Return every line from the one with "#3=IFCDIRECTION((0.,1.));" through the one with "#14=IFCLOCALPLACEMENT(#10,#13);", inclusive, exactly as it appears below.
╭─ DATA FOR PROCESSING
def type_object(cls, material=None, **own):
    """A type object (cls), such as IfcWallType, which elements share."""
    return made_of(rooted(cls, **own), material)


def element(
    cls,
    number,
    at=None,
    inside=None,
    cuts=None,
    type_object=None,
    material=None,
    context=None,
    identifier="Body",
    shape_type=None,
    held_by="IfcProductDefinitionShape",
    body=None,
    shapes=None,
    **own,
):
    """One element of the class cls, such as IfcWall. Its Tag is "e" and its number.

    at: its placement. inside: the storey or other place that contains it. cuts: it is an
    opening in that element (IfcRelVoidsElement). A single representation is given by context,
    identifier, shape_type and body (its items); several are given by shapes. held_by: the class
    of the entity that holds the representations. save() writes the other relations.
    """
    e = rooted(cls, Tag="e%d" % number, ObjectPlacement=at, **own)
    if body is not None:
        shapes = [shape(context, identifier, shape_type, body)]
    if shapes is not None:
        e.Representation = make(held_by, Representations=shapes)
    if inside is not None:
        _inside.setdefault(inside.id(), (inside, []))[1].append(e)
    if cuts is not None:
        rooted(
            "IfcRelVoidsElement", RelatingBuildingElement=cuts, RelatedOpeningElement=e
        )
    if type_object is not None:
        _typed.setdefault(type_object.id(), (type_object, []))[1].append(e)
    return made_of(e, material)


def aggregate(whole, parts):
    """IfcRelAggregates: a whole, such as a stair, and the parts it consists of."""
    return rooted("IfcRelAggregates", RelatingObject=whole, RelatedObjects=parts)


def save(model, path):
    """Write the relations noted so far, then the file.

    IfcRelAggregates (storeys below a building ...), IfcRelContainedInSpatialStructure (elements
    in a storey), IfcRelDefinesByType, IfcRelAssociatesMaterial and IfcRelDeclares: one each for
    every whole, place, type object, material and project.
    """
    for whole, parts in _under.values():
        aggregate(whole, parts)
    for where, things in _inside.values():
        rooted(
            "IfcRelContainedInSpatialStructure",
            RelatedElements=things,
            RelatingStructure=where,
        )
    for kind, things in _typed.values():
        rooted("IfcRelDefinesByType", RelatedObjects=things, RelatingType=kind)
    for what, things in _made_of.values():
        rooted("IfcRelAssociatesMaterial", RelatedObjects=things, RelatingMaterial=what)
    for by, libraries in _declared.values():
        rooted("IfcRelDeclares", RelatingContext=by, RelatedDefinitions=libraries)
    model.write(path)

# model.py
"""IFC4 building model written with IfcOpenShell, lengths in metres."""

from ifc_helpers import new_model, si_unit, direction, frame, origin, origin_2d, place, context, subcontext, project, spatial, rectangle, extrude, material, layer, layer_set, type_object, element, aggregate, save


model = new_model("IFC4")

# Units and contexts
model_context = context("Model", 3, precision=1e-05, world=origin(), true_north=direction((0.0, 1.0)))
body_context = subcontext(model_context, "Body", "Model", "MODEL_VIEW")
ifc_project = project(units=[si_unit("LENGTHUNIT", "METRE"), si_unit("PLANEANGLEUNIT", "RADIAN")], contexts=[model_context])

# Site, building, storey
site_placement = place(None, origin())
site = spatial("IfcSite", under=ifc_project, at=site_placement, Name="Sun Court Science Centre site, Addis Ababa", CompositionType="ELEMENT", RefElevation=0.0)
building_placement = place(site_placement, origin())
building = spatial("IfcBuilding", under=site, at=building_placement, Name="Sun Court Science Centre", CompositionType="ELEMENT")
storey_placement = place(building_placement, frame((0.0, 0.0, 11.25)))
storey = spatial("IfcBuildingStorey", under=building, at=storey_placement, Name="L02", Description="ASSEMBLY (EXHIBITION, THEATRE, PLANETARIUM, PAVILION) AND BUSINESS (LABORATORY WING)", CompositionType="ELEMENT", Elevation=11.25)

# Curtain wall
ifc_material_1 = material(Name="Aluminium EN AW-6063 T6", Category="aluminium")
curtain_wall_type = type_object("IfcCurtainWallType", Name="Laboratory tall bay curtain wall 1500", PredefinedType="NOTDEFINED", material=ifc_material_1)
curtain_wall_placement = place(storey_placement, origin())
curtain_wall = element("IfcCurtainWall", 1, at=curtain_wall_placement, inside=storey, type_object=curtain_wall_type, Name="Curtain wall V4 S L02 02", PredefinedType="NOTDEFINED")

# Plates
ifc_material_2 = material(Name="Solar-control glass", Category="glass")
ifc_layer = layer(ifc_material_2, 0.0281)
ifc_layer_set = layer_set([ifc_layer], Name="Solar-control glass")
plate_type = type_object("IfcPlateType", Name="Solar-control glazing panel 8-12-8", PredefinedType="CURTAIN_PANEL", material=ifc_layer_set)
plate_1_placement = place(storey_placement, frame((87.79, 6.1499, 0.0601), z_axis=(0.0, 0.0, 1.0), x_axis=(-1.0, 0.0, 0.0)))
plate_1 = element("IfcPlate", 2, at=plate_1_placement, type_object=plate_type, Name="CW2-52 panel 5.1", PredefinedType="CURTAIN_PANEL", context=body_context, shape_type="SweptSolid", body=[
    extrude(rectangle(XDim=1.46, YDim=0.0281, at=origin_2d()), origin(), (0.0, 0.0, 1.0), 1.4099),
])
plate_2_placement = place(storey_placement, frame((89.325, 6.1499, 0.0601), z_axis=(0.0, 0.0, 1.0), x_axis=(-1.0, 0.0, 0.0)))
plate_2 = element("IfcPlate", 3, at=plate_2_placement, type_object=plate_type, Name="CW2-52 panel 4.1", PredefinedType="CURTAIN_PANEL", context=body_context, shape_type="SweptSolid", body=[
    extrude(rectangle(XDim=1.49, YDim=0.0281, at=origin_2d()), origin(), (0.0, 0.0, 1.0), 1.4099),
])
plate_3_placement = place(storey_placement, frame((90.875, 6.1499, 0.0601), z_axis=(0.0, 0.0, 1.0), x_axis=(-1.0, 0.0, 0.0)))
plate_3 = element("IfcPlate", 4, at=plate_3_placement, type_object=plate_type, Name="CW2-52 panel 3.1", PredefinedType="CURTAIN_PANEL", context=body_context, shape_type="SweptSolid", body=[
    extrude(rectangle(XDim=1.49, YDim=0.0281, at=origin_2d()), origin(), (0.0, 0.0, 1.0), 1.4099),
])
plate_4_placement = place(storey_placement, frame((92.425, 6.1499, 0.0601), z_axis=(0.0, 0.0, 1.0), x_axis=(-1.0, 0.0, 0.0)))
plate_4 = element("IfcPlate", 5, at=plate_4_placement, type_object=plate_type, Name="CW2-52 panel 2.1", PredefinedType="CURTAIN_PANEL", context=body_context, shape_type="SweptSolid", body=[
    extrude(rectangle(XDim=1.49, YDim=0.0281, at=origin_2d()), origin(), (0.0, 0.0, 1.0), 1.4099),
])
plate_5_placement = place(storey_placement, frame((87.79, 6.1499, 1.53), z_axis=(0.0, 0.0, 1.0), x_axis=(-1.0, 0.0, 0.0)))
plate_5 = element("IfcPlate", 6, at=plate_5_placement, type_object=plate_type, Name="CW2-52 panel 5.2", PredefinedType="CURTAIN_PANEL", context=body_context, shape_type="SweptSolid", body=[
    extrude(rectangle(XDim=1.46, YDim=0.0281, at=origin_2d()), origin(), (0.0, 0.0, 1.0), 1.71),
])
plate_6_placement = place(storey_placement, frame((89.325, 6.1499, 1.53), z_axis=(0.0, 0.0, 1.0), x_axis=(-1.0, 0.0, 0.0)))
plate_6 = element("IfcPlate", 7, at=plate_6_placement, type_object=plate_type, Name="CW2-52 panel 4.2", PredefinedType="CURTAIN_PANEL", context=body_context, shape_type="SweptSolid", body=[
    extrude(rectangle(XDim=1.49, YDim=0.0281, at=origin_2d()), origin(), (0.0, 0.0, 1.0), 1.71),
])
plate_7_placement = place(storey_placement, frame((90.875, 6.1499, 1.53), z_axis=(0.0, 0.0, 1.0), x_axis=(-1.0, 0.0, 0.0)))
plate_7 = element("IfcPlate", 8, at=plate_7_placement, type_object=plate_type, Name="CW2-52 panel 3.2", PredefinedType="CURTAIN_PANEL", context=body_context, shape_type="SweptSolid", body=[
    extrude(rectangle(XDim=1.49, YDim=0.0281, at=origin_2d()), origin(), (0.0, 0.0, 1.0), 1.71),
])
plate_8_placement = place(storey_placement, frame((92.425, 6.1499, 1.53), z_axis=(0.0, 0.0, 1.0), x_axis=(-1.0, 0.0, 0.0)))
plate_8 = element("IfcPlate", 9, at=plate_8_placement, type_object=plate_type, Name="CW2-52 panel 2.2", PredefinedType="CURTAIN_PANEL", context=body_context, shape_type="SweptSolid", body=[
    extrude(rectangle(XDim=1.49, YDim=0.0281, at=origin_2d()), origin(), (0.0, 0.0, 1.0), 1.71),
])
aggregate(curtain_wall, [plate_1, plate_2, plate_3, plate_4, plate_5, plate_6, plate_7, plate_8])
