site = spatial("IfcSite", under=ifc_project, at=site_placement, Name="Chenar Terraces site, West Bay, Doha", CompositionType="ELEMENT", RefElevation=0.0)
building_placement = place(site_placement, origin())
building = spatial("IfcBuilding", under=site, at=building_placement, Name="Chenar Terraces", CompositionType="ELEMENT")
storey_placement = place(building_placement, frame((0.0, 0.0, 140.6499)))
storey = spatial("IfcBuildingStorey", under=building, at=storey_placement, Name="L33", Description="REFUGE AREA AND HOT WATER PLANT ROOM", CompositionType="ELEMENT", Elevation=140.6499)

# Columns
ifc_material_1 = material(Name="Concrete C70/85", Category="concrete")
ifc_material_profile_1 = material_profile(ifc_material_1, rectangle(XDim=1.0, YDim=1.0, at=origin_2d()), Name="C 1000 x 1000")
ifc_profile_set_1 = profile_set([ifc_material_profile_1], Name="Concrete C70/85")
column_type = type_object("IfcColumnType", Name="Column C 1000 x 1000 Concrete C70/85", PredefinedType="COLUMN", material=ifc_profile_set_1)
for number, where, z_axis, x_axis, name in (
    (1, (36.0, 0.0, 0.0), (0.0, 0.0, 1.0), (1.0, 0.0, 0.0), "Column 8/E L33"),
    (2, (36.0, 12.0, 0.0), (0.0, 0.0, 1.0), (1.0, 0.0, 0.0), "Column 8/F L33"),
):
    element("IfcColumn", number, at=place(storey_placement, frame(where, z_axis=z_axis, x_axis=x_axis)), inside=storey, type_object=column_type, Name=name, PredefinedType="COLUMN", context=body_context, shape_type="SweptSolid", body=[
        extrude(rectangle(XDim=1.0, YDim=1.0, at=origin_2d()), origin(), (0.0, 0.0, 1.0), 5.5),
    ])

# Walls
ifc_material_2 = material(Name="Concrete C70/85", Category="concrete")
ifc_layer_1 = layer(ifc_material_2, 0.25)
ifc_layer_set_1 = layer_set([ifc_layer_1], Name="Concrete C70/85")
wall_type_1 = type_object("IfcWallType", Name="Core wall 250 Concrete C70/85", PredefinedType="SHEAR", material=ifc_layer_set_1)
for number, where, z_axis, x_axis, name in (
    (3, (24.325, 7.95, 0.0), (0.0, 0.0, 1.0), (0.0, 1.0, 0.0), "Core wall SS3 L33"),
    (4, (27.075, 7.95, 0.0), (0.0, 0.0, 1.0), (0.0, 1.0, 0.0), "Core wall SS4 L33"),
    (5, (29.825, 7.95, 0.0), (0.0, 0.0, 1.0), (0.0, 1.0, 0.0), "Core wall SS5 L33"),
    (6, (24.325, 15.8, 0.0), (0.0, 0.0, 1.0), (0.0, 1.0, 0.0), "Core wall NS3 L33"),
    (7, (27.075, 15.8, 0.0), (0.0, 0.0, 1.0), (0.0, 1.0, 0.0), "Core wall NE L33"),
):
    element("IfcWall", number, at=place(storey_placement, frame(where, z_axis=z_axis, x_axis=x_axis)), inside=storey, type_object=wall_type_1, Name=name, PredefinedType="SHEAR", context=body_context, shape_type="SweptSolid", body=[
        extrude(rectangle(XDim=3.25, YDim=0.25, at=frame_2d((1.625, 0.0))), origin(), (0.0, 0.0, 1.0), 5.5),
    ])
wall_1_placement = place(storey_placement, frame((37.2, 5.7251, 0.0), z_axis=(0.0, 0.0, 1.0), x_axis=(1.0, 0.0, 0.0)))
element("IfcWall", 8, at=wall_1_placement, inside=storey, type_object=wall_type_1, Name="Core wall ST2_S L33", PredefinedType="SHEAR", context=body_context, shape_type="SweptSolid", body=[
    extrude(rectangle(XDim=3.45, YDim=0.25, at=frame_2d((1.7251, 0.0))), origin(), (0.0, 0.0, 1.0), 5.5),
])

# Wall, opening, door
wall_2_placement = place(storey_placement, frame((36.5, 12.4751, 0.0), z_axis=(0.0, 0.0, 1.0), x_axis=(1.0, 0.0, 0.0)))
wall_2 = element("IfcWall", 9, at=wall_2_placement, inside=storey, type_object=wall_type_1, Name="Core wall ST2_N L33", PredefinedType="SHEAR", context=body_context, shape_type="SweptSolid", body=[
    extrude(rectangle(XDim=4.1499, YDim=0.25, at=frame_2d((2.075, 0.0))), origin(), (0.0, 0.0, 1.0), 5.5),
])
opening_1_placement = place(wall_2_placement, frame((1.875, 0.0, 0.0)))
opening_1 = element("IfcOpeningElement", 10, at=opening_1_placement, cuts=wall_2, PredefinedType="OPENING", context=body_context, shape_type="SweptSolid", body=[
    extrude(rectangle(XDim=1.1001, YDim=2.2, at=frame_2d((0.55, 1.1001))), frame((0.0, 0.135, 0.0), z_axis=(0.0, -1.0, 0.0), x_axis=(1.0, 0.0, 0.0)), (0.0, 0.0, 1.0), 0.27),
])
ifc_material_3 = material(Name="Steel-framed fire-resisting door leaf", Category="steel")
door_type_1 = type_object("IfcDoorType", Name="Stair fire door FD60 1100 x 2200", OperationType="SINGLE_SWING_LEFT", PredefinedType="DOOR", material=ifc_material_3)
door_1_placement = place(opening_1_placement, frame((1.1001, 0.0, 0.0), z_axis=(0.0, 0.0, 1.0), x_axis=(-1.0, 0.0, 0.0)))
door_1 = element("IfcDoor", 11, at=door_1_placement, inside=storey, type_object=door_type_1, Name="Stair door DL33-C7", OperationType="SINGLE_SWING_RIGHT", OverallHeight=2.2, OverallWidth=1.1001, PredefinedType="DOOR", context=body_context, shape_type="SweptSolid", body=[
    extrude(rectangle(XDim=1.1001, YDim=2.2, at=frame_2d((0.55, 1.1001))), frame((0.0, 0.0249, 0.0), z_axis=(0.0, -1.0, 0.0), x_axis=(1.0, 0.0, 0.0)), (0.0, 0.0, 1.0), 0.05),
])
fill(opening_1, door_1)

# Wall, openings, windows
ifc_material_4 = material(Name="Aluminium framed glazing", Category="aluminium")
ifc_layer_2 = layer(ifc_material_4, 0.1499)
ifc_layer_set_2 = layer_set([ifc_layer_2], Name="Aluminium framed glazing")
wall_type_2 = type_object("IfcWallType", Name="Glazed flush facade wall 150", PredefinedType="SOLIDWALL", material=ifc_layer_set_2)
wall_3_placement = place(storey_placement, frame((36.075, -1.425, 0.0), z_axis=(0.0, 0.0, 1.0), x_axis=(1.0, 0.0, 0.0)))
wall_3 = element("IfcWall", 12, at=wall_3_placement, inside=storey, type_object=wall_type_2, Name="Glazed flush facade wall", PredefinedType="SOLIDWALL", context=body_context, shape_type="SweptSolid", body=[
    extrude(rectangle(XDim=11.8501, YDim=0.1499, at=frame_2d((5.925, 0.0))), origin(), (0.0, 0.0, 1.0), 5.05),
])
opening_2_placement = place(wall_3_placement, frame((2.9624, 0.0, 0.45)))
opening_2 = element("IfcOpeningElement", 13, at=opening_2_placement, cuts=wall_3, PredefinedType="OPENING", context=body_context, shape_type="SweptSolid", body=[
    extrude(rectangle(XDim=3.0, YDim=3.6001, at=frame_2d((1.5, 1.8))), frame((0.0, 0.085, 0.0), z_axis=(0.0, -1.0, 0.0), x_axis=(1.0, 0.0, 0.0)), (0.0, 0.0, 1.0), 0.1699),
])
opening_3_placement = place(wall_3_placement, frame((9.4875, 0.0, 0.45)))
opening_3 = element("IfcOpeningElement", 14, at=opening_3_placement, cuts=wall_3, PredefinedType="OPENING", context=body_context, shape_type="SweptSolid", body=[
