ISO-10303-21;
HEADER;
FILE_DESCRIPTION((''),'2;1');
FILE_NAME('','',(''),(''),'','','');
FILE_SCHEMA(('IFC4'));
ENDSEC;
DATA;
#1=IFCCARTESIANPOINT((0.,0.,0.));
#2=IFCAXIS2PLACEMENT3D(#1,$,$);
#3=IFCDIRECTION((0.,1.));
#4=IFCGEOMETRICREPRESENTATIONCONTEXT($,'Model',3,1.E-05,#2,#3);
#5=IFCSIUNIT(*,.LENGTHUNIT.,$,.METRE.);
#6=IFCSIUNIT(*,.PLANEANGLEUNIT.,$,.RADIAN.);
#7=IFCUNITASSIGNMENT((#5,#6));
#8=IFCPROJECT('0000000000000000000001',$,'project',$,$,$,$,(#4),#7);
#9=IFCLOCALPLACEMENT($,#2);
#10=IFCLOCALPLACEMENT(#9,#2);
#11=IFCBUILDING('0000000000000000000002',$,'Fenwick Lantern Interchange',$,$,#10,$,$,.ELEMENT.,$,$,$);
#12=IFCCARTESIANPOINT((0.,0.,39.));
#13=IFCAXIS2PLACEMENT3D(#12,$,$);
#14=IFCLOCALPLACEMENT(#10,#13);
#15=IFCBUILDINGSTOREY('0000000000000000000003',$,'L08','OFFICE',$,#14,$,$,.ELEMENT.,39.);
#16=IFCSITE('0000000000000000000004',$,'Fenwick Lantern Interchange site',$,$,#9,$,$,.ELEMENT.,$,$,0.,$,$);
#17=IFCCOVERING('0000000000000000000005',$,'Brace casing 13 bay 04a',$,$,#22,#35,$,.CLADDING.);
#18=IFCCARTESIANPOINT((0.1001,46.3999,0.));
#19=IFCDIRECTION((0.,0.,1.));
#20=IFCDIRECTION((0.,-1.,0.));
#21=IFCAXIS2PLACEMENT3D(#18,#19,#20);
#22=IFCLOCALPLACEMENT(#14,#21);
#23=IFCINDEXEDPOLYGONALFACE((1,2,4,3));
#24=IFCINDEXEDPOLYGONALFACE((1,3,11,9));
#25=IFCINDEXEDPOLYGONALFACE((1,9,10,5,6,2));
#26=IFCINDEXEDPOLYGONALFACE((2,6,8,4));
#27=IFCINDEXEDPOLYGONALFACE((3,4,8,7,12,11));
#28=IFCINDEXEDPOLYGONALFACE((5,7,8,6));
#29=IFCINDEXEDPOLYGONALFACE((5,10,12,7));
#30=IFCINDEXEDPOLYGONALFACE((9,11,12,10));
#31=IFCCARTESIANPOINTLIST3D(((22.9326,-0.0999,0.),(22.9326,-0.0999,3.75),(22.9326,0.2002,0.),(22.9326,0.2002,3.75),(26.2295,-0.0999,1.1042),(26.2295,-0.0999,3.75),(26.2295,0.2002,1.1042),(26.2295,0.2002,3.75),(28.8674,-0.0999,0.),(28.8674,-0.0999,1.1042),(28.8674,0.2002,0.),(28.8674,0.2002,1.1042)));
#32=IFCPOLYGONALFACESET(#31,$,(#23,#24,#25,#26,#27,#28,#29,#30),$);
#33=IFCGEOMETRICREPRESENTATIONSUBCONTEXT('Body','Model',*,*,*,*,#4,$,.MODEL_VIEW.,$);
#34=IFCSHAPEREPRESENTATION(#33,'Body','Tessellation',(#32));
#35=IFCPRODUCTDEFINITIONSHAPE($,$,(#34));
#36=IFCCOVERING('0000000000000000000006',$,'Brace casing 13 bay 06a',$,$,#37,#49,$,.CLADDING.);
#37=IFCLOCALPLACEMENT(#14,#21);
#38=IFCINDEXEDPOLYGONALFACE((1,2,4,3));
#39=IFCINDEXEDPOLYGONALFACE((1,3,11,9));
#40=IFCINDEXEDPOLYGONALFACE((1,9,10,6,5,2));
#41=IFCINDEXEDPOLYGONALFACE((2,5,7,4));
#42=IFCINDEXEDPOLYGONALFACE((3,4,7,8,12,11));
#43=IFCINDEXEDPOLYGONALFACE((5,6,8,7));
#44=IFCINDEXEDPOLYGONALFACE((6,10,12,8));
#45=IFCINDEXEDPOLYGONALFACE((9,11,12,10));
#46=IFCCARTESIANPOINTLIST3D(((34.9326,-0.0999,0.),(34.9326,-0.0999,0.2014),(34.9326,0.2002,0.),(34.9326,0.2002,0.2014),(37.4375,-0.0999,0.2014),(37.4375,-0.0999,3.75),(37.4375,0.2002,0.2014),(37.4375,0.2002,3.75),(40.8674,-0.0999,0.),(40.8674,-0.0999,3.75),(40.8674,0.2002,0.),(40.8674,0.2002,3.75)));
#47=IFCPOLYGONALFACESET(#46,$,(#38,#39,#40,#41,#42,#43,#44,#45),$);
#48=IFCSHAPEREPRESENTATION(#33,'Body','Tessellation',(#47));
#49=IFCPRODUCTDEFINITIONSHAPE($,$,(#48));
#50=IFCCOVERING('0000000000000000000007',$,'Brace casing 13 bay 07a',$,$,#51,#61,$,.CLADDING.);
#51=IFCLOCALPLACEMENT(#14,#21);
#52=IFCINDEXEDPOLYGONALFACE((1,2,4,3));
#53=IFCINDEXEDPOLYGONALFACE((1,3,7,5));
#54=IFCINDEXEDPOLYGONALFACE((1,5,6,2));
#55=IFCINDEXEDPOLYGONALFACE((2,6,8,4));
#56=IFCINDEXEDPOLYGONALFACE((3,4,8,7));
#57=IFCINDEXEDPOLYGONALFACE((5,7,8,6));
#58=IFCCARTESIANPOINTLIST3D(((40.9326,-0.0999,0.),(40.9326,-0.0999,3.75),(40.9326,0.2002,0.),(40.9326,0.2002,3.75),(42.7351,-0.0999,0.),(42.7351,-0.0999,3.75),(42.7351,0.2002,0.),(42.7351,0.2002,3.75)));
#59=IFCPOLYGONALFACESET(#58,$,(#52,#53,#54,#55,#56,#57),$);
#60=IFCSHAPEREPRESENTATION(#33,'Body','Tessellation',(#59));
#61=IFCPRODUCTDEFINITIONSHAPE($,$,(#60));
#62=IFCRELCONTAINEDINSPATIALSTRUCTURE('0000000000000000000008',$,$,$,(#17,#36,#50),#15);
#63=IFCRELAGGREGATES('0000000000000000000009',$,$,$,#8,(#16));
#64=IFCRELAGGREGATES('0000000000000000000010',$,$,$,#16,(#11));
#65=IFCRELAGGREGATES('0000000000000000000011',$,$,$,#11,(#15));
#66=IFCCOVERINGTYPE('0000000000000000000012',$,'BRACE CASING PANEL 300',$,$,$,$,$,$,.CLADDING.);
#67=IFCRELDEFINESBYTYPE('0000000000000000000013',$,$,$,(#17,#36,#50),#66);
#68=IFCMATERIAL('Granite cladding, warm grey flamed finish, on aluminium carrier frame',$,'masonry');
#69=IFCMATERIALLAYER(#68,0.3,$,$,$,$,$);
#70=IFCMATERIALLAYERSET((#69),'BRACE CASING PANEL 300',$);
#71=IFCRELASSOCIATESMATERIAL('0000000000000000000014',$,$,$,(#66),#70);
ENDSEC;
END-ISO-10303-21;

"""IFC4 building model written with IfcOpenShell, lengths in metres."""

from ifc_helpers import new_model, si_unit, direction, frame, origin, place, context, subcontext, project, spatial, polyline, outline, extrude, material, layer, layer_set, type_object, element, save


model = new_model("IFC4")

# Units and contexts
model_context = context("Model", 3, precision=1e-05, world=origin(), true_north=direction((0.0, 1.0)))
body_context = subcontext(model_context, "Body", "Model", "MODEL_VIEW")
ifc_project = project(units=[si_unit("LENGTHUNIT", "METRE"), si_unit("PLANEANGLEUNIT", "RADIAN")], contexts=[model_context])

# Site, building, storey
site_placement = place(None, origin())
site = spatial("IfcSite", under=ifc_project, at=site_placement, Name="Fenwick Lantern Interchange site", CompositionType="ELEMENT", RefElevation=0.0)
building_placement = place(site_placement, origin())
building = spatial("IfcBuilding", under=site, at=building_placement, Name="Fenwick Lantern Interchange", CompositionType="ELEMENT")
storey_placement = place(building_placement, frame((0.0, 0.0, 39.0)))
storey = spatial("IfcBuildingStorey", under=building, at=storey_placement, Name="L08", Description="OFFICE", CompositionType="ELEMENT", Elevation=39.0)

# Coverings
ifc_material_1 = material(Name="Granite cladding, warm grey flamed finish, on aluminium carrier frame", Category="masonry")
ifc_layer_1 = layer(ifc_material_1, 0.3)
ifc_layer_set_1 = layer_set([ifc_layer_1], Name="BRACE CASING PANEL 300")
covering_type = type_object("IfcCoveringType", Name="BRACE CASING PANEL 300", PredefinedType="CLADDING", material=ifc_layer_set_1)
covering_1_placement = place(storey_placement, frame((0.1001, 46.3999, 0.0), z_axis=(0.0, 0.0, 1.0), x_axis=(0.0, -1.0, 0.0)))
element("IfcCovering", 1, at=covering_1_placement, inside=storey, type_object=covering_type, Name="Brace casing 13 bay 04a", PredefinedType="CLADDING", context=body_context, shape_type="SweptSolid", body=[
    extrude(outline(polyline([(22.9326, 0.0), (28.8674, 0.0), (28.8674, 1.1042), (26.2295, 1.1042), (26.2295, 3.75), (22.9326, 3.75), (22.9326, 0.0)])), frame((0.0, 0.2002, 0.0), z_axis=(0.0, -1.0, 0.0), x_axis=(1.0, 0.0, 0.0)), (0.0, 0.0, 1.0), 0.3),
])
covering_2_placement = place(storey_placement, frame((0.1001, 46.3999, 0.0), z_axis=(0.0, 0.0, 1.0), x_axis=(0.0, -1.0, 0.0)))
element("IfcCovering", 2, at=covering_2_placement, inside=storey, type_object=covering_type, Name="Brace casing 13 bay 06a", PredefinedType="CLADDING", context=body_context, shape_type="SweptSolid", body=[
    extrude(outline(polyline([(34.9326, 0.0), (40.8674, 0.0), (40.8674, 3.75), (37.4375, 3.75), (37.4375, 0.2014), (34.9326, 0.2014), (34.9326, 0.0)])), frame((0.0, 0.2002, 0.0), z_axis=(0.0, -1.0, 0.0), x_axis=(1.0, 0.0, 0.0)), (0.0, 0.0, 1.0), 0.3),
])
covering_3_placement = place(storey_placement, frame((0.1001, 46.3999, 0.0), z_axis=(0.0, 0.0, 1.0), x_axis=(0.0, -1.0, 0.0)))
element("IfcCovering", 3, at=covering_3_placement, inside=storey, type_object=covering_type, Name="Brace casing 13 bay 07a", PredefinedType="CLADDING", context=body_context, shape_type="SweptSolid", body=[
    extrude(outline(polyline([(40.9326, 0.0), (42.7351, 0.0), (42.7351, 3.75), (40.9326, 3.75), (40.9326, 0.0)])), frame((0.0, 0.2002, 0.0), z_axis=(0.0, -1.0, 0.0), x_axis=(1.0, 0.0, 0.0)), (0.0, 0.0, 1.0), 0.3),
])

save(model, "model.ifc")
╰─
▶ _WRITTEN ANSWER_
#3=IFCDIRECTION((0.,1.));
#4=IFCGEOMETRICREPRESENTATIONCONTEXT($,'Model',3,1.E-05,#2,#3);
#5=IFCSIUNIT(*,.LENGTHUNIT.,$,.METRE.);
#6=IFCSIUNIT(*,.PLANEANGLEUNIT.,$,.RADIAN.);
#7=IFCUNITASSIGNMENT((#5,#6));
#8=IFCPROJECT('0000000000000000000001',$,'project',$,$,$,$,(#4),#7);
#9=IFCLOCALPLACEMENT($,#2);
#10=IFCLOCALPLACEMENT(#9,#2);
#11=IFCBUILDING('0000000000000000000002',$,'Fenwick Lantern Interchange',$,$,#10,$,$,.ELEMENT.,$,$,$);
#12=IFCCARTESIANPOINT((0.,0.,39.));
#13=IFCAXIS2PLACEMENT3D(#12,$,$);
#14=IFCLOCALPLACEMENT(#10,#13);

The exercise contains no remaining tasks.